WHAT THE EXERCISE ASKS:
All that is needed is every line of the listing below that has "Position".

SUPPLIED RECORDS:
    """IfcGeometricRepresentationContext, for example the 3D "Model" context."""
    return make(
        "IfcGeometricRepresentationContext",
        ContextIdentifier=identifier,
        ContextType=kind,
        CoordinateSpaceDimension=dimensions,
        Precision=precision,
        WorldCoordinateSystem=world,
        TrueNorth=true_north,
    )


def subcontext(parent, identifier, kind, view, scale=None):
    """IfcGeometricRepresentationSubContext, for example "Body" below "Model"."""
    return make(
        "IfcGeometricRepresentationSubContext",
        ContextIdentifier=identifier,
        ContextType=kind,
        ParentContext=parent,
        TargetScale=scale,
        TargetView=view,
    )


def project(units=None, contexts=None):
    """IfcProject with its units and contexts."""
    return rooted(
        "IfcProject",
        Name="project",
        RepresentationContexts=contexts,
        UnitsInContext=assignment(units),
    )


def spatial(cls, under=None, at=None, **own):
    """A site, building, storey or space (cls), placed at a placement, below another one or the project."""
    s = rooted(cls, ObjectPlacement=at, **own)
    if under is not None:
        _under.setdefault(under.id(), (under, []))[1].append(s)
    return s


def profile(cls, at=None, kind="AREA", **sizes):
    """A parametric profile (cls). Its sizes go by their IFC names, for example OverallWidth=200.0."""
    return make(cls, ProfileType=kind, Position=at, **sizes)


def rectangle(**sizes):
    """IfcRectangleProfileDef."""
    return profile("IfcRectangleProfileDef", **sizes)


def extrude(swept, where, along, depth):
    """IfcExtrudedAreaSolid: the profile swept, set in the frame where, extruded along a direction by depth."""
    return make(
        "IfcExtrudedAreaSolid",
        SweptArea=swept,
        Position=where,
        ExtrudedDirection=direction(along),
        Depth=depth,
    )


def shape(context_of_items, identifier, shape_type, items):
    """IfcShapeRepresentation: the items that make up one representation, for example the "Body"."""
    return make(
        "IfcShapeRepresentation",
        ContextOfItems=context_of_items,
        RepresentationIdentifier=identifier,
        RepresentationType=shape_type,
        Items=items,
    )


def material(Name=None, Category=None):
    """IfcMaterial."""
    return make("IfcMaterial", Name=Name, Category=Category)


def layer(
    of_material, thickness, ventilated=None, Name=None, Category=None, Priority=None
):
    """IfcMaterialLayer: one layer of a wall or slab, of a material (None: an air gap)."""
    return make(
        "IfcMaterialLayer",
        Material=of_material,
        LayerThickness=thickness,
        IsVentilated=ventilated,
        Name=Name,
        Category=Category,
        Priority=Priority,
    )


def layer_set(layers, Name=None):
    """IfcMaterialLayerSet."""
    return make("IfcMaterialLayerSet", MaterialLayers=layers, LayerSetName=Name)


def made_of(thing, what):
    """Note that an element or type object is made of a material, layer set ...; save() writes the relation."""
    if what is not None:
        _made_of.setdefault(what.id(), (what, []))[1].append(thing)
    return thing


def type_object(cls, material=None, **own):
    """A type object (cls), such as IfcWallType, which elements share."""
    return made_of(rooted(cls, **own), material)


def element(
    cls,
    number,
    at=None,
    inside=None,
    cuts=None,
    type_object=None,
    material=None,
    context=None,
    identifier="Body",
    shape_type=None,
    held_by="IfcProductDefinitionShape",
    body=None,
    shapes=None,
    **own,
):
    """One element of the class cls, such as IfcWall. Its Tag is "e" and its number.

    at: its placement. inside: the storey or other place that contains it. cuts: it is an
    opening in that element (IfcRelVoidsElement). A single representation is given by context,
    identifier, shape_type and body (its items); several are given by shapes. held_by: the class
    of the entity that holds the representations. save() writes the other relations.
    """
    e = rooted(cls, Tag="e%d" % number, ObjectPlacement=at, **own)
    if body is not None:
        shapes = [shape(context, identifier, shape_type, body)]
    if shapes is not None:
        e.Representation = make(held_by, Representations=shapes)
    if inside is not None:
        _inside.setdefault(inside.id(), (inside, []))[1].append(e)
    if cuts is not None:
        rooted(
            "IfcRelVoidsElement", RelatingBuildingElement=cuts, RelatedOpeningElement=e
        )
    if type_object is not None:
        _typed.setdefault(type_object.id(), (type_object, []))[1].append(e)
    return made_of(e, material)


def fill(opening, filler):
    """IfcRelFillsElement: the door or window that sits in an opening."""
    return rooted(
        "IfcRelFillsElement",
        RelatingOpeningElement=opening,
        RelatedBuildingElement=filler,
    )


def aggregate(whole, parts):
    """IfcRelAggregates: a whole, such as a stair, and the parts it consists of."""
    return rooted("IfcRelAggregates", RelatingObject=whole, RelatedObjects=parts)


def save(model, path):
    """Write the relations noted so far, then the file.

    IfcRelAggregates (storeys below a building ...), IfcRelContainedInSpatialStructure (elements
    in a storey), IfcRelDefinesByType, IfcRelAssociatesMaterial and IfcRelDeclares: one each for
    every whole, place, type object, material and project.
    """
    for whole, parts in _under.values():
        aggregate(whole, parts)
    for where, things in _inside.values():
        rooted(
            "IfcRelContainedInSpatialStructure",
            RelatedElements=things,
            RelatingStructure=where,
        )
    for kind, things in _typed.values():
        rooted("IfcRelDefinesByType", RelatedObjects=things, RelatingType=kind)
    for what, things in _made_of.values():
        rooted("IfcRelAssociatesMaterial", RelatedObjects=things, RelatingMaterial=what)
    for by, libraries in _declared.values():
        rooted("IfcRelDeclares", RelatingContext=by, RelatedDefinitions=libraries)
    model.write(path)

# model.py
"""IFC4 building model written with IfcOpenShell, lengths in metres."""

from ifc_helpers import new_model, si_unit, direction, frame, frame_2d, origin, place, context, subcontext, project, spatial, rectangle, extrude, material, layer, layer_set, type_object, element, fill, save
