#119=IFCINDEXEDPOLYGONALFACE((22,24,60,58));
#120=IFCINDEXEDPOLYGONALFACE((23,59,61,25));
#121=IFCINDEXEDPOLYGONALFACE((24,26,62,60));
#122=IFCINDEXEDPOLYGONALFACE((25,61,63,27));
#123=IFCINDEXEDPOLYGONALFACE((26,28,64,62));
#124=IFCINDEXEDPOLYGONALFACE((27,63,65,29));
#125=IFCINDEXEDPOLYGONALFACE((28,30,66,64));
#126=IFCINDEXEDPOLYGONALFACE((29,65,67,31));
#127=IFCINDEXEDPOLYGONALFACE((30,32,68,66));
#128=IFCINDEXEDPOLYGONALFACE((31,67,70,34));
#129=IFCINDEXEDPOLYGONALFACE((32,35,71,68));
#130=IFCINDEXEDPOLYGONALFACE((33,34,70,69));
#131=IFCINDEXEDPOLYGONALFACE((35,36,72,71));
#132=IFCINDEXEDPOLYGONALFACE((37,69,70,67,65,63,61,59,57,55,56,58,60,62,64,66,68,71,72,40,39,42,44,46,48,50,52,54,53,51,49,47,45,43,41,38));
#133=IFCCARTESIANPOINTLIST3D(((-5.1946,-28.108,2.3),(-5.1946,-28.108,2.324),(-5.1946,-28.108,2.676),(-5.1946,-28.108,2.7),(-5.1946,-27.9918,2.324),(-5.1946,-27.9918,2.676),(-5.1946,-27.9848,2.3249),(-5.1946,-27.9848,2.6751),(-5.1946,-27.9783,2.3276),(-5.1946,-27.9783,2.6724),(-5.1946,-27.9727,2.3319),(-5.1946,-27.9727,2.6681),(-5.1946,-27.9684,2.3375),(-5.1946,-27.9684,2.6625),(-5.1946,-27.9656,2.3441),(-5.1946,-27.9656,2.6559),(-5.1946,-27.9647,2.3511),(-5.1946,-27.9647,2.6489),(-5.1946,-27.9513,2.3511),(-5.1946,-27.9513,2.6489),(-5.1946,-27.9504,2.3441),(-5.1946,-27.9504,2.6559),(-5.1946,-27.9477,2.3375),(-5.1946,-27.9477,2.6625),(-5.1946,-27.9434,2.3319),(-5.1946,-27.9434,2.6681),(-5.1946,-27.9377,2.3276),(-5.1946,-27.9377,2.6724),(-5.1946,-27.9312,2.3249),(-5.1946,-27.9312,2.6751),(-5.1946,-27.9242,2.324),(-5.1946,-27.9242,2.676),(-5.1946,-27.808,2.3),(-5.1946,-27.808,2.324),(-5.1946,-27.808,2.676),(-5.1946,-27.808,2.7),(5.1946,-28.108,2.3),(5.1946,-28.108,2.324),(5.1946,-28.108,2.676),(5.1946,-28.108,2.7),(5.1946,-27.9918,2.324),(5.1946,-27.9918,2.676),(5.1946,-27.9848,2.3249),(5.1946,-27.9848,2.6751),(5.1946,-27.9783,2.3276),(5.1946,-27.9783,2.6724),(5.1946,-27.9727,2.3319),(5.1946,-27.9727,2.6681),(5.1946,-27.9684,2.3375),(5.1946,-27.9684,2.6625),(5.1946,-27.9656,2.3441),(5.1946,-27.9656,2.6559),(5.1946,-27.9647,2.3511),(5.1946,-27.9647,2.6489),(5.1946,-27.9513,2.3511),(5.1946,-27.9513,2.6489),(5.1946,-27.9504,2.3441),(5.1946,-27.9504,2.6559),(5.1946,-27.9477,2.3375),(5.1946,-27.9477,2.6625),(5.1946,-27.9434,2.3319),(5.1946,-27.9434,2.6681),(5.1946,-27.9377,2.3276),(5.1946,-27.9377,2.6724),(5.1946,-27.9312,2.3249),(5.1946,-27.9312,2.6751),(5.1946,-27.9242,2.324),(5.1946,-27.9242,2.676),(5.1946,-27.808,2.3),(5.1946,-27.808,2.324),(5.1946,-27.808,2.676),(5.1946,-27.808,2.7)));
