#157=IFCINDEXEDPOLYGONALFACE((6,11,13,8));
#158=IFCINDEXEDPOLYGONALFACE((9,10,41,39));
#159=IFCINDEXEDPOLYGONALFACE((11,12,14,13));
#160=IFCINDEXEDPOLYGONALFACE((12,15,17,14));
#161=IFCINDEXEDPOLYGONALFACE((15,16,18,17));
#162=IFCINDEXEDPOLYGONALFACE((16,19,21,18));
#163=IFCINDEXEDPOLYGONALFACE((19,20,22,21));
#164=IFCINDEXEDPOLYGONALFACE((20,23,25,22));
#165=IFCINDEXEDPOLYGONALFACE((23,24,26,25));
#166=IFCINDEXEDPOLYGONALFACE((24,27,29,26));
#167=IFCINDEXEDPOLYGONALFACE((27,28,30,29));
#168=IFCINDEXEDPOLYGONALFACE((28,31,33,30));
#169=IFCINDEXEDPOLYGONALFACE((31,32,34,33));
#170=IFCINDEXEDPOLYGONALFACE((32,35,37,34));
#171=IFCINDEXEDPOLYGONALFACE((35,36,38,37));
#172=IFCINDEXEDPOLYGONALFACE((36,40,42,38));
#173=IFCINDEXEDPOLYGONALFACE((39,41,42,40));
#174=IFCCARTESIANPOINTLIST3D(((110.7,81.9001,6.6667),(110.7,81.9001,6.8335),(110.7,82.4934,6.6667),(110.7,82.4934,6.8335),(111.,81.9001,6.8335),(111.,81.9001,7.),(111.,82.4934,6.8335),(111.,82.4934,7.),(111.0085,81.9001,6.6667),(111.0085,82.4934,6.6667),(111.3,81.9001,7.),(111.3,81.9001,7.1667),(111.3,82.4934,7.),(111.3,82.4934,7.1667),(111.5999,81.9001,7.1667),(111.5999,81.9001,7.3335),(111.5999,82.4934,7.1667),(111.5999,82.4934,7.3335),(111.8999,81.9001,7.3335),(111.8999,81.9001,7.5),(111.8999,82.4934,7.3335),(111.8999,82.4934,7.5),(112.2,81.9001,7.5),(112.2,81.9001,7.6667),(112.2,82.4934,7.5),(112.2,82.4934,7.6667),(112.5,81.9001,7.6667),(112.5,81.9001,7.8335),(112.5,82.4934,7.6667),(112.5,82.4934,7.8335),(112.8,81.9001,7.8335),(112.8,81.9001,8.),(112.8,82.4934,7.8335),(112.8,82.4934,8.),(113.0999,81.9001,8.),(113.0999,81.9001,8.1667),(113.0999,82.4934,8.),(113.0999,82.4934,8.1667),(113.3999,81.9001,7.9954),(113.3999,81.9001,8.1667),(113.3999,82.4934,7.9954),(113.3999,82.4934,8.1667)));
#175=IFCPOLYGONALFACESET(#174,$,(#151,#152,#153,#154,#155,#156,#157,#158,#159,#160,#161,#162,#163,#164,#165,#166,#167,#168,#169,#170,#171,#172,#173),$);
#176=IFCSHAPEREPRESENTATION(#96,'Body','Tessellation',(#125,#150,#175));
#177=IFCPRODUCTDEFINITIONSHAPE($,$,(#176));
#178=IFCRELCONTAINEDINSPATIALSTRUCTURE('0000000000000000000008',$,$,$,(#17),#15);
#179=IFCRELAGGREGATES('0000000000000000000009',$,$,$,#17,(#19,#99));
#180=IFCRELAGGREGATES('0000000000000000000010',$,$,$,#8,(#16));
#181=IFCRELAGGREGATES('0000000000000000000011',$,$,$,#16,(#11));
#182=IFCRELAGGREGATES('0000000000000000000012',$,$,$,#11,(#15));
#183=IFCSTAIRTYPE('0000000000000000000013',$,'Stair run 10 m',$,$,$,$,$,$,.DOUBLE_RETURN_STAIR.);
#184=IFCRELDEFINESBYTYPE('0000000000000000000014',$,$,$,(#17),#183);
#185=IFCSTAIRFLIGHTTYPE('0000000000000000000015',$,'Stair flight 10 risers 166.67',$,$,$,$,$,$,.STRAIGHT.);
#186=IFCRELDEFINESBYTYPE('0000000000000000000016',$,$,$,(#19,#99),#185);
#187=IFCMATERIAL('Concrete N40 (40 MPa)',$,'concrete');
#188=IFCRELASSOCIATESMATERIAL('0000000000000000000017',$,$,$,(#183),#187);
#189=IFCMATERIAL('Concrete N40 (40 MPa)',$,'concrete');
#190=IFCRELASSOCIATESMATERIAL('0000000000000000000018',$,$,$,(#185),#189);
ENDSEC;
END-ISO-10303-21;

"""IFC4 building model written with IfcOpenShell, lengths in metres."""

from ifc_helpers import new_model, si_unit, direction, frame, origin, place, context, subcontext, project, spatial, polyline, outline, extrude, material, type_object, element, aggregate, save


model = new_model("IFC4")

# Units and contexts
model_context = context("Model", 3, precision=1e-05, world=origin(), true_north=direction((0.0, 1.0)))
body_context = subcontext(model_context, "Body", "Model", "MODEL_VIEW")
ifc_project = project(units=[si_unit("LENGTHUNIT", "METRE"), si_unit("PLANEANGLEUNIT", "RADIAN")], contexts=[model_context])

SOLUTION FOR THIS EXERCISE:
    return make(cls, ProfileType=kind, Position=at, **sizes)
        Position=where,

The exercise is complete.